───── EXTRACTED INFORMATION ─────

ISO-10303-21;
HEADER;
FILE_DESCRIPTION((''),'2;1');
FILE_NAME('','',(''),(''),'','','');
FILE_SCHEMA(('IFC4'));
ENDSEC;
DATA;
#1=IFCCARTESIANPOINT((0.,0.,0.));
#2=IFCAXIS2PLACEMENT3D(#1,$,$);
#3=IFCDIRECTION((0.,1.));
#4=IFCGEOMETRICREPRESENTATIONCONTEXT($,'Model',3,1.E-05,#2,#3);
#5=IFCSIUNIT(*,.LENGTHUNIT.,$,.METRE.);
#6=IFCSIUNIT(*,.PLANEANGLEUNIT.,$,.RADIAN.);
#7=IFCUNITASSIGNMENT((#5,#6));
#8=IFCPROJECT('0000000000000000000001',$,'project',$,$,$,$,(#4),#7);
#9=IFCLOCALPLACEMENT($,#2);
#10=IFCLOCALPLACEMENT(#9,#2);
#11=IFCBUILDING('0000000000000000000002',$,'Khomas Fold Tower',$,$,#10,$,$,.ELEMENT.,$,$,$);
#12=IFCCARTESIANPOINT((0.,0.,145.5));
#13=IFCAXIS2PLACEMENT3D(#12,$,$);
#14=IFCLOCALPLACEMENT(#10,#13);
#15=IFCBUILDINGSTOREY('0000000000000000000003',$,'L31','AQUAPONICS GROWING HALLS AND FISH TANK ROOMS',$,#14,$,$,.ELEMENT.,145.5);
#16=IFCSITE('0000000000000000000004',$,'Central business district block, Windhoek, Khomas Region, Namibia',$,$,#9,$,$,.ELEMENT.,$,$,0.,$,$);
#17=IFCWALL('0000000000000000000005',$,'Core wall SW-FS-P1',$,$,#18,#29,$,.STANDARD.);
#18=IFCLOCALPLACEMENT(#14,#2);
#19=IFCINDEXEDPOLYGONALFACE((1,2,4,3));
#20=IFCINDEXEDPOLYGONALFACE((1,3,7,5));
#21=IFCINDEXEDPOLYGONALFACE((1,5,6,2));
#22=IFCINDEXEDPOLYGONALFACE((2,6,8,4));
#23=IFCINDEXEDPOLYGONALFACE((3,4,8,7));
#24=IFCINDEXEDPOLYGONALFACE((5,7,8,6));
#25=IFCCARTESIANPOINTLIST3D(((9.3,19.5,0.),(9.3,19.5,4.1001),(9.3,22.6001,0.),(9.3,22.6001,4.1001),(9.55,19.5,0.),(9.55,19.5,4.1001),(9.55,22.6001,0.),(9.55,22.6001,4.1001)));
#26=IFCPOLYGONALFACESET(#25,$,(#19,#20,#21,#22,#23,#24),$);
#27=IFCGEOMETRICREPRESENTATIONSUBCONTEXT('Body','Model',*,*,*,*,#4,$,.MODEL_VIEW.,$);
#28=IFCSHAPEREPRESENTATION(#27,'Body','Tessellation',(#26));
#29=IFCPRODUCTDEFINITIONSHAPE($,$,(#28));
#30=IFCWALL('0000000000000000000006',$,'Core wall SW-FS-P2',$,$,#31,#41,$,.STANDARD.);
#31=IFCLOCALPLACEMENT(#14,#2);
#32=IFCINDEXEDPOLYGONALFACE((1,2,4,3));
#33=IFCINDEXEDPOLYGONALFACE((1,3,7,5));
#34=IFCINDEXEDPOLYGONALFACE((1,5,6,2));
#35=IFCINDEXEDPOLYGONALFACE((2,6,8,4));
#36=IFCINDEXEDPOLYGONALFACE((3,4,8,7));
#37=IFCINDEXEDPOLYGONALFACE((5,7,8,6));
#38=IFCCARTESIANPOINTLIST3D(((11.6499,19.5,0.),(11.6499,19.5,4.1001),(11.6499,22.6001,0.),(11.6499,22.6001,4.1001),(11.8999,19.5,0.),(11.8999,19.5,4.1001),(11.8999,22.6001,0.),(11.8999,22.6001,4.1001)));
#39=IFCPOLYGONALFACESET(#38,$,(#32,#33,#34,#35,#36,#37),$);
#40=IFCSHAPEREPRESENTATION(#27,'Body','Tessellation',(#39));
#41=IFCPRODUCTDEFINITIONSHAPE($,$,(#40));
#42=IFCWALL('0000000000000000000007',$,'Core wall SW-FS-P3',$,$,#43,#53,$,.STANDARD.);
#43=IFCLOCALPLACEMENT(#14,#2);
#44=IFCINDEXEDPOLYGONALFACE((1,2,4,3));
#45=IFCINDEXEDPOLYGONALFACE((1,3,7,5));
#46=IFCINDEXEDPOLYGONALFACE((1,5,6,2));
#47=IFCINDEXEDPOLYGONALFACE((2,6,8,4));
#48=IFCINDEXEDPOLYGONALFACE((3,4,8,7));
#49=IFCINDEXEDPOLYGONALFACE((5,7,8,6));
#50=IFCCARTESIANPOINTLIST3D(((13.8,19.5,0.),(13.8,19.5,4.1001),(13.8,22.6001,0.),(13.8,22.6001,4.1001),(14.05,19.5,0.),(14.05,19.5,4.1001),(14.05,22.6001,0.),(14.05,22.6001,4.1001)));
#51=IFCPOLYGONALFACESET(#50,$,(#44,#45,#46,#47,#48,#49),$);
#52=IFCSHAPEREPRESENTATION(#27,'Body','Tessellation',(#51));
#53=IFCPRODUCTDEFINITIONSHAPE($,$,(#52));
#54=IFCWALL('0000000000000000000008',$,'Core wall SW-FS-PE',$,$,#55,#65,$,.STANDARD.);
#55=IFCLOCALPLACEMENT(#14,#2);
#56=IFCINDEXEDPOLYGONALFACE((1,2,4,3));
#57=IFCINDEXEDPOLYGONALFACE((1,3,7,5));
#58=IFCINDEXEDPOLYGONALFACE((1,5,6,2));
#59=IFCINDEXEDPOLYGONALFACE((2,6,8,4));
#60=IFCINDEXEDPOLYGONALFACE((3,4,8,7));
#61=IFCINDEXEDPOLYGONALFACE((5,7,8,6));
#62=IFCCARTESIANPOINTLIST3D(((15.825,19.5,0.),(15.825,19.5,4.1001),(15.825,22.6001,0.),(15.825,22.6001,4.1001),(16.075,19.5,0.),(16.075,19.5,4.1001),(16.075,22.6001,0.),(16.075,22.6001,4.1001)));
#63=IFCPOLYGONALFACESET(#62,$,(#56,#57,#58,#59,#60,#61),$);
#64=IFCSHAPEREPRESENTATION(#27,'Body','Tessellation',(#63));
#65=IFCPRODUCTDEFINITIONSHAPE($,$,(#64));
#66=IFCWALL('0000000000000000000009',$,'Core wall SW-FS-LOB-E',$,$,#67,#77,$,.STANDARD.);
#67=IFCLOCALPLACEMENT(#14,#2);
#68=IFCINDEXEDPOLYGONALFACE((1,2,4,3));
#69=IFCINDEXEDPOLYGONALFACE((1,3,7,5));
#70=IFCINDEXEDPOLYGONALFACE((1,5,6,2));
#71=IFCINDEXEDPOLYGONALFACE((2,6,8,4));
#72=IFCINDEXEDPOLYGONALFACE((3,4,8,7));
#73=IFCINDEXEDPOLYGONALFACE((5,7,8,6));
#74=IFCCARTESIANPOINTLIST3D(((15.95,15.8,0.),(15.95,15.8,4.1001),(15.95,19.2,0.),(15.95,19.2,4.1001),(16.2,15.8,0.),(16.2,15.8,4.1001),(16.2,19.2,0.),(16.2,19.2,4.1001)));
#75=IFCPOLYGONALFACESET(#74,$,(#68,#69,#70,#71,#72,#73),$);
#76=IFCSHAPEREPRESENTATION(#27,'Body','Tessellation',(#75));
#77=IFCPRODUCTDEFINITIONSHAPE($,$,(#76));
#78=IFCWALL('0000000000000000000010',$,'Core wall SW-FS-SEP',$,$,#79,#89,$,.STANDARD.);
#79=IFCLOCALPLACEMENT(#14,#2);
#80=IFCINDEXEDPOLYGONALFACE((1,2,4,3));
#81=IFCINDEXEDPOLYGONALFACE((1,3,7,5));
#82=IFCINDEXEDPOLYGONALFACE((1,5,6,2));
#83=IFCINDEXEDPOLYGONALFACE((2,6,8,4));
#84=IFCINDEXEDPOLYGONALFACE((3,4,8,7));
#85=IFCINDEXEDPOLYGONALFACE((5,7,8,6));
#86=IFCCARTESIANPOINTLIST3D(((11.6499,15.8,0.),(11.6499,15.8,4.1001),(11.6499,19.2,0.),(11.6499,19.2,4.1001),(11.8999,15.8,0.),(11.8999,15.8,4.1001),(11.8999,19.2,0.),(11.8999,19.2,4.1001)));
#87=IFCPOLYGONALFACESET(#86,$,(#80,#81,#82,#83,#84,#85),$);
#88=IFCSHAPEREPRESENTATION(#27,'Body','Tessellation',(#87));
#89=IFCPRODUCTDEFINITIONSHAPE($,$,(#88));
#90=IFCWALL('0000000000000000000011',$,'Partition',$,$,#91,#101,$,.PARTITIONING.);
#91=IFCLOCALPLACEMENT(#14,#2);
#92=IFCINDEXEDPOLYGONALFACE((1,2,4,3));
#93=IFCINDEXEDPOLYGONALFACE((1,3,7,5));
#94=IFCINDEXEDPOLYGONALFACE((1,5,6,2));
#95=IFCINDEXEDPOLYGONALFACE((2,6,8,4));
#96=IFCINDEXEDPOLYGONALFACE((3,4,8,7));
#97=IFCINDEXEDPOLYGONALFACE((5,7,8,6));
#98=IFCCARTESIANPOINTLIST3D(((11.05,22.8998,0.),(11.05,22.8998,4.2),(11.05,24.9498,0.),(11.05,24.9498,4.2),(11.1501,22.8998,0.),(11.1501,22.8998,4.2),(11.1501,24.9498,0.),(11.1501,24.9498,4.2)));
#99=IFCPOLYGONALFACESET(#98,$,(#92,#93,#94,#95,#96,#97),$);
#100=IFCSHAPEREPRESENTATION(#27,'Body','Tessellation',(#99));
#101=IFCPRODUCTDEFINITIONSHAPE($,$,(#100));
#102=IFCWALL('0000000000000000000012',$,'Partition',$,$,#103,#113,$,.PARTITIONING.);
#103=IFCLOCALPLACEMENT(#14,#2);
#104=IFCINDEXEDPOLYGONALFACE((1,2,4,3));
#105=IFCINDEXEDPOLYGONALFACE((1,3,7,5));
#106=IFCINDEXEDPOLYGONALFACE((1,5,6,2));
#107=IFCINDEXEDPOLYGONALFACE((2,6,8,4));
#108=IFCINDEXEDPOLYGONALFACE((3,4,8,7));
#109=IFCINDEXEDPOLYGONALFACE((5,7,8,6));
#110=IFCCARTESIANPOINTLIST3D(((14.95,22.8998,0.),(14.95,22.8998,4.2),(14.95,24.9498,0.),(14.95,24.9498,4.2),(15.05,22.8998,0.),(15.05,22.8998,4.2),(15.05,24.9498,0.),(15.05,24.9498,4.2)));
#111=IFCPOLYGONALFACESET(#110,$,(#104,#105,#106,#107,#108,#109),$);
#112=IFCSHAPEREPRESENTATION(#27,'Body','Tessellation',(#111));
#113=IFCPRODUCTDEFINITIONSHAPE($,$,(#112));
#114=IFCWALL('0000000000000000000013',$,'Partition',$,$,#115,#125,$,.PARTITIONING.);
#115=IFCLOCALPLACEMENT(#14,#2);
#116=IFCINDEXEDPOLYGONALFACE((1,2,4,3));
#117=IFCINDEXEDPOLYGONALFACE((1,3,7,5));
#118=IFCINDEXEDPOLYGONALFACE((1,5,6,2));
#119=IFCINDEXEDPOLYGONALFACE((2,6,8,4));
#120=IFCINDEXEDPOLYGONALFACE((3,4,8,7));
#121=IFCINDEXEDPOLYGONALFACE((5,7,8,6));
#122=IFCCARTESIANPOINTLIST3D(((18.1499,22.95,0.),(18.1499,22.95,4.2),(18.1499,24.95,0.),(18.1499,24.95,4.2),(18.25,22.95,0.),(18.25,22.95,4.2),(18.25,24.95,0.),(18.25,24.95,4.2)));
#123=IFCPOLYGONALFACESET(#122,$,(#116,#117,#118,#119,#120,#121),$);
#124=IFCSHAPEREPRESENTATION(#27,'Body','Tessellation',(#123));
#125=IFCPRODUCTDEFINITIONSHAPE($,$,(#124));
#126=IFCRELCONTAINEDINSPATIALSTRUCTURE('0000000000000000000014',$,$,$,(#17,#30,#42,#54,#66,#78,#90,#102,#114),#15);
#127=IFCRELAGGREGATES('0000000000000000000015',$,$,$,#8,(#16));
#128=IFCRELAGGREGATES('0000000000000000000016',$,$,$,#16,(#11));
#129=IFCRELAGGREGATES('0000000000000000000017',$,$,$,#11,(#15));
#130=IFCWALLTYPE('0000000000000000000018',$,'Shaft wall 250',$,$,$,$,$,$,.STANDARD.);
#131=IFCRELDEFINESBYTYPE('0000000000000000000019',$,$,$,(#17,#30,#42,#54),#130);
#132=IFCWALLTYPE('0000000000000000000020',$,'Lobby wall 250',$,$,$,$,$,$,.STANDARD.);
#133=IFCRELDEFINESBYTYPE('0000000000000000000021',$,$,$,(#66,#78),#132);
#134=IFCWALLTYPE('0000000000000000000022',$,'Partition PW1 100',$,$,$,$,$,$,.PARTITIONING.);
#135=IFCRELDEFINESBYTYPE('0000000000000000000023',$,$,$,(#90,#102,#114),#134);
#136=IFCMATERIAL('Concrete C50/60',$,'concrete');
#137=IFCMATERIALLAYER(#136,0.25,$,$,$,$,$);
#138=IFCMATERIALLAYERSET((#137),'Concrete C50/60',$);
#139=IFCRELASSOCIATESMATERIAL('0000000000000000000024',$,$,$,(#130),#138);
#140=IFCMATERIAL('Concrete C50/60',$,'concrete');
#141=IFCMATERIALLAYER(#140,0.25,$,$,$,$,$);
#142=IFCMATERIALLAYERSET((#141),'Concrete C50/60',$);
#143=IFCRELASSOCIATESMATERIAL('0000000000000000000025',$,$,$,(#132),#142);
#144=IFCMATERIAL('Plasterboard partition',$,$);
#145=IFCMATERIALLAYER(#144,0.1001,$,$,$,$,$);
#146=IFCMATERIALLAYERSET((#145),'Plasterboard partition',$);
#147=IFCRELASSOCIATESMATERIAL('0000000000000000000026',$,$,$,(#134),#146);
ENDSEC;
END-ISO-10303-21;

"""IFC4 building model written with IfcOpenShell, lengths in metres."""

from ifc_helpers import new_model, si_unit, direction, frame, frame_2d, origin, place, context, subcontext, project, spatial, rectangle, extrude, source, transform, mapped, material, layer, layer_set, type_object, element, save


model = new_model("IFC4")

# Units and contexts
model_context = context("Model", 3, precision=1e-05, world=origin(), true_north=direction((0.0, 1.0)))
body_context = subcontext(model_context, "Body", "Model", "MODEL_VIEW")
ifc_project = project(units=[si_unit("LENGTHUNIT", "METRE"), si_unit("PLANEANGLEUNIT", "RADIAN")], contexts=[model_context])

# Site, building, storey
site_placement = place(None, origin())
site = spatial("IfcSite", under=ifc_project, at=site_placement, Name="Central business district block, Windhoek, Khomas Region, Namibia", CompositionType="ELEMENT", RefElevation=0.0)
building_placement = place(site_placement, origin())
building = spatial("IfcBuilding", under=site, at=building_placement, Name="Khomas Fold Tower", CompositionType="ELEMENT")
storey_placement = place(building_placement, frame((0.0, 0.0, 145.5)))
storey = spatial("IfcBuildingStorey", under=building, at=storey_placement, Name="L31", Description="AQUAPONICS GROWING HALLS AND FISH TANK ROOMS", CompositionType="ELEMENT", Elevation=145.5)

# Walls
ifc_material_1 = material(Name="Concrete C50/60", Category="concrete")
ifc_layer_1 = layer(ifc_material_1, 0.25)
ifc_layer_set_1 = layer_set([ifc_layer_1], Name="Concrete C50/60")
wall_type_1 = type_object("IfcWallType", Name="Shaft wall 250", PredefinedType="STANDARD", material=ifc_layer_set_1)
shared_shape_1 = source(origin(), body_context, "Body", "SweptSolid", [
    extrude(rectangle(XDim=3.1001, YDim=0.25, at=frame_2d((1.55, 0.0))), origin(), (0.0, 0.0, 1.0), 4.1001),
])
for number, where, z_axis, x_axis, name in (
    (1, (9.425, 19.5, 0.0), (0.0, 0.0, 1.0), (0.0, 1.0, 0.0), "Core wall SW-FS-P1"),
    (2, (11.7749, 19.5, 0.0), (0.0, 0.0, 1.0), (0.0, 1.0, 0.0), "Core wall SW-FS-P2"),
    (3, (13.925, 19.5, 0.0), (0.0, 0.0, 1.0), (0.0, 1.0, 0.0), "Core wall SW-FS-P3"),
    (4, (15.95, 19.5, 0.0), (0.0, 0.0, 1.0), (0.0, 1.0, 0.0), "Core wall SW-FS-PE"),
):
    element("IfcWall", number, at=place(storey_placement, frame(where, z_axis=z_axis, x_axis=x_axis)), inside=storey, type_object=wall_type_1, Name=name, PredefinedType="STANDARD", context=body_context, shape_type="MappedRepresentation", body=[
        mapped(shared_shape_1, transform((0.0, 0.0, 0.0))),
    ])
ifc_material_2 = material(Name="Concrete C50/60", Category="concrete")
ifc_layer_2 = layer(ifc_material_2, 0.25)
ifc_layer_set_2 = layer_set([ifc_layer_2], Name="Concrete C50/60")
wall_type_2 = type_object("IfcWallType", Name="Lobby wall 250", PredefinedType="STANDARD", material=ifc_layer_set_2)
shared_shape_2 = source(origin(), body_context, "Body", "SweptSolid", [
    extrude(rectangle(XDim=3.3999, YDim=0.25, at=frame_2d((1.7, 0.0))), origin(), (0.0, 0.0, 1.0), 4.1001),
])
for number, where, z_axis, x_axis, name in (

─────

§ **EXERCISE AIM**:
Your answer should consist of the lines from the line with "#107=IFCINDEXEDPOLYGONALFACE((2,6,8,4));" to the line with "#113=IFCPRODUCTDEFINITIONSHAPE($,$,(#112));" above, repeated exactly, both ends included.

§ **THE COMPLETED TASK**:
#107=IFCINDEXEDPOLYGONALFACE((2,6,8,4));
#108=IFCINDEXEDPOLYGONALFACE((3,4,8,7));
#109=IFCINDEXEDPOLYGONALFACE((5,7,8,6));
#110=IFCCARTESIANPOINTLIST3D(((14.95,22.8998,0.),(14.95,22.8998,4.2),(14.95,24.9498,0.),(14.95,24.9498,4.2),(15.05,22.8998,0.),(15.05,22.8998,4.2),(15.05,24.9498,0.),(15.05,24.9498,4.2)));
#111=IFCPOLYGONALFACESET(#110,$,(#104,#105,#106,#107,#108,#109),$);
#112=IFCSHAPEREPRESENTATION(#27,'Body','Tessellation',(#111));
#113=IFCPRODUCTDEFINITIONSHAPE($,$,(#112));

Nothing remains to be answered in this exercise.